WHAT TO PRODUCE: In your reply, reproduce the lines from the first one below to the line containing "#62=IFCINDEXEDPOLYGONALFACE((43,44,46,45));", inclusive, exactly as they stand.

Content starts

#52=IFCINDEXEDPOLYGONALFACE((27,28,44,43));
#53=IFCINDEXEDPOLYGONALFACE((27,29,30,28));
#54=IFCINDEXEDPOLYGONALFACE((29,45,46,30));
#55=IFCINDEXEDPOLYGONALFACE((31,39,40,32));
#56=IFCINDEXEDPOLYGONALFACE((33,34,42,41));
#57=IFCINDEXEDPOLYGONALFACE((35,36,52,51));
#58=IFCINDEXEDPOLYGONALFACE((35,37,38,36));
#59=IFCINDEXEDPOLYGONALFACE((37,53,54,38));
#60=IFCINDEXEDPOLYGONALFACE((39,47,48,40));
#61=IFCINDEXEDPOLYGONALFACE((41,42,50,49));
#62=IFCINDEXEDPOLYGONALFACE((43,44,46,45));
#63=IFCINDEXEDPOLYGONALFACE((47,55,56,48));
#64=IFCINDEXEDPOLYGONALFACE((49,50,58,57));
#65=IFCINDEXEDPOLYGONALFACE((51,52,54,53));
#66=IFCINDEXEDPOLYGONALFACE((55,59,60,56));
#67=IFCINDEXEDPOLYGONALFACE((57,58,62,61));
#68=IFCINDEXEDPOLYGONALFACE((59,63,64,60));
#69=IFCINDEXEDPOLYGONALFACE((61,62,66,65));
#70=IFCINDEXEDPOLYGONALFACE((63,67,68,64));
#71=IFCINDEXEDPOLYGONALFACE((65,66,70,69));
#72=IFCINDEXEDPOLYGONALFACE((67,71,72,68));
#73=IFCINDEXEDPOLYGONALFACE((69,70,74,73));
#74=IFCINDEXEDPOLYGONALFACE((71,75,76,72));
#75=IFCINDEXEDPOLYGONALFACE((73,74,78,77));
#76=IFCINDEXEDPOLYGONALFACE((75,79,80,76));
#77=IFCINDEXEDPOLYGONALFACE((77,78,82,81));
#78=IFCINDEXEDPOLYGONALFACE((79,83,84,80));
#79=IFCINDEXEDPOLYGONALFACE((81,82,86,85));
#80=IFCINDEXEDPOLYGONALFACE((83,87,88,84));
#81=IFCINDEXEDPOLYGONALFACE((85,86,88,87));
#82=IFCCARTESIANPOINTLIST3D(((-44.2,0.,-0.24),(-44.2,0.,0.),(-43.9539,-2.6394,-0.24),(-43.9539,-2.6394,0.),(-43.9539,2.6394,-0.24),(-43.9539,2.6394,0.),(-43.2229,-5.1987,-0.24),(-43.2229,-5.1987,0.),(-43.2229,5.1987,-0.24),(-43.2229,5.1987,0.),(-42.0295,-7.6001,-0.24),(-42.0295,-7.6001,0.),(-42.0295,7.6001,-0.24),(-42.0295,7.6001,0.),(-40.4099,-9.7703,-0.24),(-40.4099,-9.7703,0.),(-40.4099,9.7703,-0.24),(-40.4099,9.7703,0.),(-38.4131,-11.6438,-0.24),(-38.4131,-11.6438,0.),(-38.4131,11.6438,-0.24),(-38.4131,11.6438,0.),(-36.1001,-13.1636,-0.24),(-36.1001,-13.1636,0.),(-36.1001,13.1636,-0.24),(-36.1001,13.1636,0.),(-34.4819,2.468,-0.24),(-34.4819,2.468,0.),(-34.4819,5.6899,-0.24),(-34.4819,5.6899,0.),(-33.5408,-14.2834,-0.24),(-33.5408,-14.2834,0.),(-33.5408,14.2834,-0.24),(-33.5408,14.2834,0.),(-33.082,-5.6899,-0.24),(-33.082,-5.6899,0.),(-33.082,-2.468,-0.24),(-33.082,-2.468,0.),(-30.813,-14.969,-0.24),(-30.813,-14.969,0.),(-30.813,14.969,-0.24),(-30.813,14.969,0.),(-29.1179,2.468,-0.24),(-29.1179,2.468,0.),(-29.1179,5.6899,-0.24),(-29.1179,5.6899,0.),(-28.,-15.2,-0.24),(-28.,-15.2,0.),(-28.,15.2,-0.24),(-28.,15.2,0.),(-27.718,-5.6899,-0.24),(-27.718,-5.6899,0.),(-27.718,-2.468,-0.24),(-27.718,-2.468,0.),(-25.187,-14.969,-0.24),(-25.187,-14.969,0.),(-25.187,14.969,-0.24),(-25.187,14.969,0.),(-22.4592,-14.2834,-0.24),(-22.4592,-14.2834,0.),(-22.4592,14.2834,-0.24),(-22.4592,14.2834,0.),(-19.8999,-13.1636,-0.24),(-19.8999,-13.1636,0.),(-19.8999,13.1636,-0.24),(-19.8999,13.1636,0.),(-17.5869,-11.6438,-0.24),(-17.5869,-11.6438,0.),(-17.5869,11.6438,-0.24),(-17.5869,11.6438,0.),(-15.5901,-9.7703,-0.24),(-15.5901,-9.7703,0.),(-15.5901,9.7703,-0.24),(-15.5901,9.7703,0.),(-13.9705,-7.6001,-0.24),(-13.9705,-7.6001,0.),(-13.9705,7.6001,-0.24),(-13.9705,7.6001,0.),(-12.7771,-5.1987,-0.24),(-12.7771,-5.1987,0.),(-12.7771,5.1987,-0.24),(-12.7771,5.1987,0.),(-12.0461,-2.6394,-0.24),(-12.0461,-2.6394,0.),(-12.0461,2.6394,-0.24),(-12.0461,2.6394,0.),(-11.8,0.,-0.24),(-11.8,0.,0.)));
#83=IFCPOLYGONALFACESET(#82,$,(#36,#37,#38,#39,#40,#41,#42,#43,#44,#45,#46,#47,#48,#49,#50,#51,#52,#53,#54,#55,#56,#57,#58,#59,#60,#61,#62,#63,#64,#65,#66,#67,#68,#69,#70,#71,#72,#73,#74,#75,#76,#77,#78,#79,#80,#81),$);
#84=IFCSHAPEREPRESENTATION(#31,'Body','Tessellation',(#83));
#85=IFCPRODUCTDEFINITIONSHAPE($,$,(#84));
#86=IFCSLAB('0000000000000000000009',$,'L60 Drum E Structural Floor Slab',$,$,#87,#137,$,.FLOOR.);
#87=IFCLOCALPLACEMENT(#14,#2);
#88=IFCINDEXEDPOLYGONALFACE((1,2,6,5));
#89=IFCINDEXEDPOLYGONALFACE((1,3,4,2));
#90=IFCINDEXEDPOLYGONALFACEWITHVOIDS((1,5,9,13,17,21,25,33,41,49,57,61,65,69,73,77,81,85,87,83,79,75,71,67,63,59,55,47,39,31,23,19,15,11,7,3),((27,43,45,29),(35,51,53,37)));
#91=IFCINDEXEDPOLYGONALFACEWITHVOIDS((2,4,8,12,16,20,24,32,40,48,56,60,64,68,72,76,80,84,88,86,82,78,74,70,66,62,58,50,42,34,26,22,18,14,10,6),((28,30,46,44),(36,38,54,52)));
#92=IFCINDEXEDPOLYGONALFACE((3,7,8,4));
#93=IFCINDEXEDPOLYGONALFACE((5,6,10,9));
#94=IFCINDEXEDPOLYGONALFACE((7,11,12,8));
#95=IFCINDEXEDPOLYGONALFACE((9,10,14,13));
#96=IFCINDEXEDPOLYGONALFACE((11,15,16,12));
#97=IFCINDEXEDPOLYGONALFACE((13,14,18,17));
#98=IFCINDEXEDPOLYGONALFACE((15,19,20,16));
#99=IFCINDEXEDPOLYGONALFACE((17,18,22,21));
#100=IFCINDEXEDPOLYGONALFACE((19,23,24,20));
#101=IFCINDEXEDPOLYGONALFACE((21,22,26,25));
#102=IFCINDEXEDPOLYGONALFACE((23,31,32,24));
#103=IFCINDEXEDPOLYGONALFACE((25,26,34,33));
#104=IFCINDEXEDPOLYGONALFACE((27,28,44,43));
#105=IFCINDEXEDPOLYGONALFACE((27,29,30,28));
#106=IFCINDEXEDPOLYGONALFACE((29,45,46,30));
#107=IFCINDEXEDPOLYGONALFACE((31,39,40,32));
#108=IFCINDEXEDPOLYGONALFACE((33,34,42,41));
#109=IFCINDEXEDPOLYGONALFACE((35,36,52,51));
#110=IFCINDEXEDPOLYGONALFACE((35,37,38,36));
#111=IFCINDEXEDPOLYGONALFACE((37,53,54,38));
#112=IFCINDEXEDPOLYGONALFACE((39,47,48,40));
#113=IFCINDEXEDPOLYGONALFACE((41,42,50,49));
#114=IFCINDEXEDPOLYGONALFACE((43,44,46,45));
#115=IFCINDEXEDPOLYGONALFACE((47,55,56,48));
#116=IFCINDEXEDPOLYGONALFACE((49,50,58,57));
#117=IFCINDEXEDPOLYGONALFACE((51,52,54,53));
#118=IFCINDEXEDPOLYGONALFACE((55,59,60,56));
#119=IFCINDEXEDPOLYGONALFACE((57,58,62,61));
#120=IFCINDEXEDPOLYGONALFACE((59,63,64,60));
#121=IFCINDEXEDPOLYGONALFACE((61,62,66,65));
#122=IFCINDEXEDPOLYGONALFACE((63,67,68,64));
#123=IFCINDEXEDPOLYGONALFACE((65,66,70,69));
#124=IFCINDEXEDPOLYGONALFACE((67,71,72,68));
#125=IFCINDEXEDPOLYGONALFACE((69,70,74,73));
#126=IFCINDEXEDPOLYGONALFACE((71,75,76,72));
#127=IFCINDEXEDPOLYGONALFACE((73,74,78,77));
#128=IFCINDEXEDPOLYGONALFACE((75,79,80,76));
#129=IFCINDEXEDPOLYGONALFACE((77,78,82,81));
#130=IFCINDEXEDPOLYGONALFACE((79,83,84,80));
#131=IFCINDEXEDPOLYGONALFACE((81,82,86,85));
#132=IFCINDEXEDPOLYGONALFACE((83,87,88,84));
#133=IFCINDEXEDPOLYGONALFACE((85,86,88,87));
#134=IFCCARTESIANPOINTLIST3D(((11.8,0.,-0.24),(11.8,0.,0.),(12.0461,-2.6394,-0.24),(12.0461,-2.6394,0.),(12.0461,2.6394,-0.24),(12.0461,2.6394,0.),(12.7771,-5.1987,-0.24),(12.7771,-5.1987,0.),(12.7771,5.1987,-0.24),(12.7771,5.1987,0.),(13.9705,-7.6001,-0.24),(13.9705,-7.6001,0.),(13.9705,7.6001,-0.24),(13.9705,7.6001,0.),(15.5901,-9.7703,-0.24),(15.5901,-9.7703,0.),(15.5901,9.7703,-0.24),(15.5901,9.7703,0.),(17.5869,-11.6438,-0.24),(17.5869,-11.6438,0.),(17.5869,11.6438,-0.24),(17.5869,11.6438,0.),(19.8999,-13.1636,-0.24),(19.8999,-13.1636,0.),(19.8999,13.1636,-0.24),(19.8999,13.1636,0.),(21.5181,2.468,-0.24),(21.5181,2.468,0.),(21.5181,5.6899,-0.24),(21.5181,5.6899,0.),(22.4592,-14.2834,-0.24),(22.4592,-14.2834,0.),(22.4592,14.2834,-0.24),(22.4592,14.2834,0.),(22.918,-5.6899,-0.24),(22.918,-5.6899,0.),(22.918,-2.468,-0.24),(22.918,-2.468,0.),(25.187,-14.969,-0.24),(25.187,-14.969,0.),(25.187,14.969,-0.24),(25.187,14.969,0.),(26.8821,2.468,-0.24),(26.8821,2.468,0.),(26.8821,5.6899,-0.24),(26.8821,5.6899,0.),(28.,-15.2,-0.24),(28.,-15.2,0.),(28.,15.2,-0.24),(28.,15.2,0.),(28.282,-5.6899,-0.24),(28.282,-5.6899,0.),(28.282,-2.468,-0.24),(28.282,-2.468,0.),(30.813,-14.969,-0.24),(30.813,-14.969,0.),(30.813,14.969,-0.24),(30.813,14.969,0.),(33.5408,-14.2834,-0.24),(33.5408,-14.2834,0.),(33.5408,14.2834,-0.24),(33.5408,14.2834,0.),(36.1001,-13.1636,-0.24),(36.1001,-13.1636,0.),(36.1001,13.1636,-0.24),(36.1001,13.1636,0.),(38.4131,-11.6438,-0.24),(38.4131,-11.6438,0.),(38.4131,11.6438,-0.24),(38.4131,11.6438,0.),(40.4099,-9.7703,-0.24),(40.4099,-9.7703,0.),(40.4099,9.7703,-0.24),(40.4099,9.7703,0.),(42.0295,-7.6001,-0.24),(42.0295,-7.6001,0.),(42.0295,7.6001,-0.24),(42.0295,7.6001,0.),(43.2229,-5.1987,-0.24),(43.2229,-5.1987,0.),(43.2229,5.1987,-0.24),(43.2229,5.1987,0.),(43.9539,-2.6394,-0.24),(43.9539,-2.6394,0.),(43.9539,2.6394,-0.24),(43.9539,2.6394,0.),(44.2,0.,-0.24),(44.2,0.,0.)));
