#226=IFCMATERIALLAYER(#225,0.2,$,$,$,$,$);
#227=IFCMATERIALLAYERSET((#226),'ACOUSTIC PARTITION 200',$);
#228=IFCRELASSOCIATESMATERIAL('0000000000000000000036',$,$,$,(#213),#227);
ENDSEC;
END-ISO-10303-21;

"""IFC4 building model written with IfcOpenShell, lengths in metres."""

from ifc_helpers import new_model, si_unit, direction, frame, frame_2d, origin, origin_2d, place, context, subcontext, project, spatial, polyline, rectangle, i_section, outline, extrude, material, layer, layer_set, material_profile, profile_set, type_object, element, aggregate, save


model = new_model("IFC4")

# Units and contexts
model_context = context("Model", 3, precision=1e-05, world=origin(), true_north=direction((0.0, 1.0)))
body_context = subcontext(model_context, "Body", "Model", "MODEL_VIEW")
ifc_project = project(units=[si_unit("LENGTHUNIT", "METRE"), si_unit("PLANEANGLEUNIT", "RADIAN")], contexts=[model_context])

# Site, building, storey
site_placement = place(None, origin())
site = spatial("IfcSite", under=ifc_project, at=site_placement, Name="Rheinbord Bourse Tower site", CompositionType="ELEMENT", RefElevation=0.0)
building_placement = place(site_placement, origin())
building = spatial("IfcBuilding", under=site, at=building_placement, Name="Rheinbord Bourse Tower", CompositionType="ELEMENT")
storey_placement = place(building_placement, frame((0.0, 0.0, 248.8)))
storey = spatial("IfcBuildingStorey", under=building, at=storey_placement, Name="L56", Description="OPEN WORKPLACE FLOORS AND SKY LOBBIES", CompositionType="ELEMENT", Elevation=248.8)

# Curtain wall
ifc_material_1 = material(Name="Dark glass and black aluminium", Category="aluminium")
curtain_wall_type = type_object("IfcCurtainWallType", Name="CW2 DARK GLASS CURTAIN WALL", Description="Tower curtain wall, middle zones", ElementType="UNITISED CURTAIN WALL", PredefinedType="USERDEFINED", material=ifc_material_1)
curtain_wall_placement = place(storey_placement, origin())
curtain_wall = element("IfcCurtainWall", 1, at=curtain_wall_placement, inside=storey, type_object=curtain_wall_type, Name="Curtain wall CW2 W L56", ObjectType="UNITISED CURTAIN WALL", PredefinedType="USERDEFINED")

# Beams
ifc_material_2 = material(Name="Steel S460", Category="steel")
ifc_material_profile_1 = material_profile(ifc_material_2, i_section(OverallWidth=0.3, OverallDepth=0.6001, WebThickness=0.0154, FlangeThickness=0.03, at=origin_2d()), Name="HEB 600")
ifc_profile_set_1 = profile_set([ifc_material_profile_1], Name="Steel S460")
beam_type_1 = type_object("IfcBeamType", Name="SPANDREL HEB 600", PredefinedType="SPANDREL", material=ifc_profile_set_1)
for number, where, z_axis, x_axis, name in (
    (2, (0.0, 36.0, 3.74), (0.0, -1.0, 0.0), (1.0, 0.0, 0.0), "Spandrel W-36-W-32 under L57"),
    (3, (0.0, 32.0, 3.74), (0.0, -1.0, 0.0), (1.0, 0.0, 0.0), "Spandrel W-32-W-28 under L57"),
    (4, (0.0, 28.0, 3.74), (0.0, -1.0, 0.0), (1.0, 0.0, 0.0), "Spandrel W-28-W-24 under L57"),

Content ends

PROBLEM SOLUTION:
#52=IFCINDEXEDPOLYGONALFACE((27,28,44,43));
#53=IFCINDEXEDPOLYGONALFACE((27,29,30,28));
#54=IFCINDEXEDPOLYGONALFACE((29,45,46,30));
#55=IFCINDEXEDPOLYGONALFACE((31,39,40,32));
#56=IFCINDEXEDPOLYGONALFACE((33,34,42,41));
#57=IFCINDEXEDPOLYGONALFACE((35,36,52,51));
#58=IFCINDEXEDPOLYGONALFACE((35,37,38,36));
#59=IFCINDEXEDPOLYGONALFACE((37,53,54,38));
#60=IFCINDEXEDPOLYGONALFACE((39,47,48,40));
#61=IFCINDEXEDPOLYGONALFACE((41,42,50,49));
#62=IFCINDEXEDPOLYGONALFACE((43,44,46,45));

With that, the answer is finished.